What you need to do
Could you set down exactly the lines of the data below, starting at the one that holds "Partition Wall PWALL-L05-046" and ending at the one that holds "door_2_placement = place(opening_2_placement, origin())", both included, and only those?
Content starts
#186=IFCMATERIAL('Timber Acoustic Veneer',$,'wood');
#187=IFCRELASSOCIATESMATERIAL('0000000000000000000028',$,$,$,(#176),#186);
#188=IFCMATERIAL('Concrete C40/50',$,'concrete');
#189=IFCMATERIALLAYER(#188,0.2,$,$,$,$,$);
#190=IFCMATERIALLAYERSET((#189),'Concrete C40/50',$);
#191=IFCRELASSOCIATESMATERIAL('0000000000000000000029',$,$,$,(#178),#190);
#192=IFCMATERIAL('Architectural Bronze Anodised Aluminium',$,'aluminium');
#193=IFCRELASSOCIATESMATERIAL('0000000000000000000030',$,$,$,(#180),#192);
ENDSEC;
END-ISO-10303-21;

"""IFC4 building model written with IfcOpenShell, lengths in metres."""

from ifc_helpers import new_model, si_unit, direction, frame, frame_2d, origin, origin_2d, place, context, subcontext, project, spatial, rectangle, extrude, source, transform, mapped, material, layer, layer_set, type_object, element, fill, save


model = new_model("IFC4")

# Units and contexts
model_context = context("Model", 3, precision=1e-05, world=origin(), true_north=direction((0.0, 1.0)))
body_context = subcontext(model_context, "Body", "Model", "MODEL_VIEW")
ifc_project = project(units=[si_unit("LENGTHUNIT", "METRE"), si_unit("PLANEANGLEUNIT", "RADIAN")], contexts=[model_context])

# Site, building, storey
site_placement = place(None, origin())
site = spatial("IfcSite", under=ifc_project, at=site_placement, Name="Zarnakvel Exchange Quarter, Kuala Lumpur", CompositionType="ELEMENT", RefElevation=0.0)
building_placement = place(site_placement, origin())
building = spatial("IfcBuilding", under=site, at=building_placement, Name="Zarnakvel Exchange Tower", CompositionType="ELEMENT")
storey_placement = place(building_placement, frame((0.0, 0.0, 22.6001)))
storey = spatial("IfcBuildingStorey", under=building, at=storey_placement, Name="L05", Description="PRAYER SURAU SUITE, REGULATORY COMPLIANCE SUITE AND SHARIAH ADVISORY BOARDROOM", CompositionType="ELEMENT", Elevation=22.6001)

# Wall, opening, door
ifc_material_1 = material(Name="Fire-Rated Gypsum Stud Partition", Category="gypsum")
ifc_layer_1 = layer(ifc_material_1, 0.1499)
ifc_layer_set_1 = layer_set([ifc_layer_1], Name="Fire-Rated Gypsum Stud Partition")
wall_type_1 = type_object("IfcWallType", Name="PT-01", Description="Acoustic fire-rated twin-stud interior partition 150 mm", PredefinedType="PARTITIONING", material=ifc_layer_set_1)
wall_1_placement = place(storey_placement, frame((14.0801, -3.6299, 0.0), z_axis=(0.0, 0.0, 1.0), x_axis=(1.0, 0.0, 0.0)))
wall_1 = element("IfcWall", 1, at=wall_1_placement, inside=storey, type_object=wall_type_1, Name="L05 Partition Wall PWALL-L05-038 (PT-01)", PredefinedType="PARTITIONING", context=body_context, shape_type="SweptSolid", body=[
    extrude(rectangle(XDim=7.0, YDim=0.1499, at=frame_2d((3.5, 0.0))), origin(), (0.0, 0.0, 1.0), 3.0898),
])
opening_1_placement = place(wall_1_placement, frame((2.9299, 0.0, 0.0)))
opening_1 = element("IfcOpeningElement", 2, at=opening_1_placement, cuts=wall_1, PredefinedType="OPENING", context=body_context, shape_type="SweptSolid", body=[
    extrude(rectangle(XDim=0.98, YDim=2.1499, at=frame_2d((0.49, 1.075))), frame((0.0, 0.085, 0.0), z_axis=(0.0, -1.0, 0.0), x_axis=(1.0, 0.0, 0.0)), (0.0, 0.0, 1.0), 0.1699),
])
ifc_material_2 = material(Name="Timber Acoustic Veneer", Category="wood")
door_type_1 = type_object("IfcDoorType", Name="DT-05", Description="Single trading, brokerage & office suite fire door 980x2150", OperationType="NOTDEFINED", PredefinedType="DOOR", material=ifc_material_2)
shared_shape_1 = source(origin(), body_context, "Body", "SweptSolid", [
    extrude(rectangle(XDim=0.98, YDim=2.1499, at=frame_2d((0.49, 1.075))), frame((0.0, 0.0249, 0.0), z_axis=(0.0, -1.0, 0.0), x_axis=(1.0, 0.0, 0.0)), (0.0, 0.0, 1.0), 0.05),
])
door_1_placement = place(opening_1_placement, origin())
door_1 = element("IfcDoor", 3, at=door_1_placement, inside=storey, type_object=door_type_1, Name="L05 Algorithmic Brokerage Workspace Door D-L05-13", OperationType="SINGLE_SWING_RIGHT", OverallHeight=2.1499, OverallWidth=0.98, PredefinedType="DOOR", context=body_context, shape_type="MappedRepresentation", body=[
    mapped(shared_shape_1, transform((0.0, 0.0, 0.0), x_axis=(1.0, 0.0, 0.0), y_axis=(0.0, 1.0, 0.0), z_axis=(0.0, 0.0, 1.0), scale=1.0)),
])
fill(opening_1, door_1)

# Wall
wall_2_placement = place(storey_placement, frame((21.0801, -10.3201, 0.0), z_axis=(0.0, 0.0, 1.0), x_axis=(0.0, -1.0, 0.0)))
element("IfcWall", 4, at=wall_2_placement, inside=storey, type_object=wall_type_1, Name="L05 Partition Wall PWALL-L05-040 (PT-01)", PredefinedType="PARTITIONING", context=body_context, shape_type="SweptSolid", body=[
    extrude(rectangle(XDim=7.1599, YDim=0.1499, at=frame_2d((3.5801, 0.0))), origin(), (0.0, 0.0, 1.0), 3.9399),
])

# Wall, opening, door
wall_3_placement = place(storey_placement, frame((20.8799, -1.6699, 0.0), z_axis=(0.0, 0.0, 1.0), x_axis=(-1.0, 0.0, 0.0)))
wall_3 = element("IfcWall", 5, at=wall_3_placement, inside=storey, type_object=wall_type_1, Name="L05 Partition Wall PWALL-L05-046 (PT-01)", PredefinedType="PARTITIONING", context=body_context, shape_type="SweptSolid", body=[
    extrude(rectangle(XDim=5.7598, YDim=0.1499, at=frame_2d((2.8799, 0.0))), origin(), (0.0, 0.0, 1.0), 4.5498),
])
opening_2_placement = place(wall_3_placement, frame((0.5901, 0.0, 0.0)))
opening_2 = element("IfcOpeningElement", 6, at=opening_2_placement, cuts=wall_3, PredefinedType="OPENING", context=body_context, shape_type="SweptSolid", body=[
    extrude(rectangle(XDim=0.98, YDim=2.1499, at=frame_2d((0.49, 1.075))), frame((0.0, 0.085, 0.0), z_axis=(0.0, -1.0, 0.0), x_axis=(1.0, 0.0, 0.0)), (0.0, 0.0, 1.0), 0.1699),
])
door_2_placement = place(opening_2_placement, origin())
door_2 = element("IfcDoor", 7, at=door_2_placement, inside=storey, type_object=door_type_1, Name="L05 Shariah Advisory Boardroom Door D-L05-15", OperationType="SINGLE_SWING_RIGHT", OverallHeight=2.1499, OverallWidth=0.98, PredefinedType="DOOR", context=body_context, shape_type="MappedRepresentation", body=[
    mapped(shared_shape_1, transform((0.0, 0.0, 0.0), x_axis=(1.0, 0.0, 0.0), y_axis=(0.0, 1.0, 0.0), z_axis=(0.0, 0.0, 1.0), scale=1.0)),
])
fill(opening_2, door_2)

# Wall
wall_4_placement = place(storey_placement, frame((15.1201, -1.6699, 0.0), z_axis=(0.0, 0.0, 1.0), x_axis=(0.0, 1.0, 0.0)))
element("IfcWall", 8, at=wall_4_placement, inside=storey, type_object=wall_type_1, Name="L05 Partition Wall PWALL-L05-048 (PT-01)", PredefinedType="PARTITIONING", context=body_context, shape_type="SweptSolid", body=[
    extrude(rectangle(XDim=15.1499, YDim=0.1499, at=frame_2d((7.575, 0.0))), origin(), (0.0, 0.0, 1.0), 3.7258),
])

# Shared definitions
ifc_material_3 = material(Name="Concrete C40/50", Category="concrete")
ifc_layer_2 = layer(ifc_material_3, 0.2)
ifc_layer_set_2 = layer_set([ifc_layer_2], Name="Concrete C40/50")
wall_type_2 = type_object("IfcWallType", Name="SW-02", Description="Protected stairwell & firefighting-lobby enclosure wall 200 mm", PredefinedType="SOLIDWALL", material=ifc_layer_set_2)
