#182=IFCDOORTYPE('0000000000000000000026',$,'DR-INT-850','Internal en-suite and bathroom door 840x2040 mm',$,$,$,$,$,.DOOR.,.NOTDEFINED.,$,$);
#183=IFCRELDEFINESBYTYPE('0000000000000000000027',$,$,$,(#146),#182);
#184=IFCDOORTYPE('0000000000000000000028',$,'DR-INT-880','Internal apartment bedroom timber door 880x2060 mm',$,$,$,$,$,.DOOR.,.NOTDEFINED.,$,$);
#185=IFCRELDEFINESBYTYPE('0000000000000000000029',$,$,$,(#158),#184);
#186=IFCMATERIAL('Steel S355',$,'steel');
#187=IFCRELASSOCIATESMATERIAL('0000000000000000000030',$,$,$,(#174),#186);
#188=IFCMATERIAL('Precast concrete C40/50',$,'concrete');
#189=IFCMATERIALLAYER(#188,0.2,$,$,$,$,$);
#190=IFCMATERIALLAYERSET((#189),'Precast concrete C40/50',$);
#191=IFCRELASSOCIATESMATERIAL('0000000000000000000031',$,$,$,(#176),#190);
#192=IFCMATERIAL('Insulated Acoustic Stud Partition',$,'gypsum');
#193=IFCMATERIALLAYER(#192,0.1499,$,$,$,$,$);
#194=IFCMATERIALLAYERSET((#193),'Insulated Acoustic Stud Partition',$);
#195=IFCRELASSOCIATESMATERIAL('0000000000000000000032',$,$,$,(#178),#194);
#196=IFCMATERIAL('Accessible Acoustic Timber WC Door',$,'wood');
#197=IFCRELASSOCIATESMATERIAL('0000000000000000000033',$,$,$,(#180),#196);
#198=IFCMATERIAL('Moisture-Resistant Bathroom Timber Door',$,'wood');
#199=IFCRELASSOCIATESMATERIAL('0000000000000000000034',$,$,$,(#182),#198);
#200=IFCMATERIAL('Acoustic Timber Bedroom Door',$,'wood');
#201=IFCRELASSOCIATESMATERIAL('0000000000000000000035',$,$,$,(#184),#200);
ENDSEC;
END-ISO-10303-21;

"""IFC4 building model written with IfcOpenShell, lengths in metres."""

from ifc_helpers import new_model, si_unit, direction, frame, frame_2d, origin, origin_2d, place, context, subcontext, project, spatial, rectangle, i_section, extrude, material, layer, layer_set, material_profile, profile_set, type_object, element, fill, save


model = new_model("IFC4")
Content ends
Exercise answer
wall_3 = element("IfcWall", 5, at=wall_3_placement, inside=storey, type_object=wall_type_1, Name="L05 Partition Wall PWALL-L05-046 (PT-01)", PredefinedType="PARTITIONING", context=body_context, shape_type="SweptSolid", body=[
    extrude(rectangle(XDim=5.7598, YDim=0.1499, at=frame_2d((2.8799, 0.0))), origin(), (0.0, 0.0, 1.0), 4.5498),
])
opening_2_placement = place(wall_3_placement, frame((0.5901, 0.0, 0.0)))
opening_2 = element("IfcOpeningElement", 6, at=opening_2_placement, cuts=wall_3, PredefinedType="OPENING", context=body_context, shape_type="SweptSolid", body=[
    extrude(rectangle(XDim=0.98, YDim=2.1499, at=frame_2d((0.49, 1.075))), frame((0.0, 0.085, 0.0), z_axis=(0.0, -1.0, 0.0), x_axis=(1.0, 0.0, 0.0)), (0.0, 0.0, 1.0), 0.1699),
])
door_2_placement = place(opening_2_placement, origin())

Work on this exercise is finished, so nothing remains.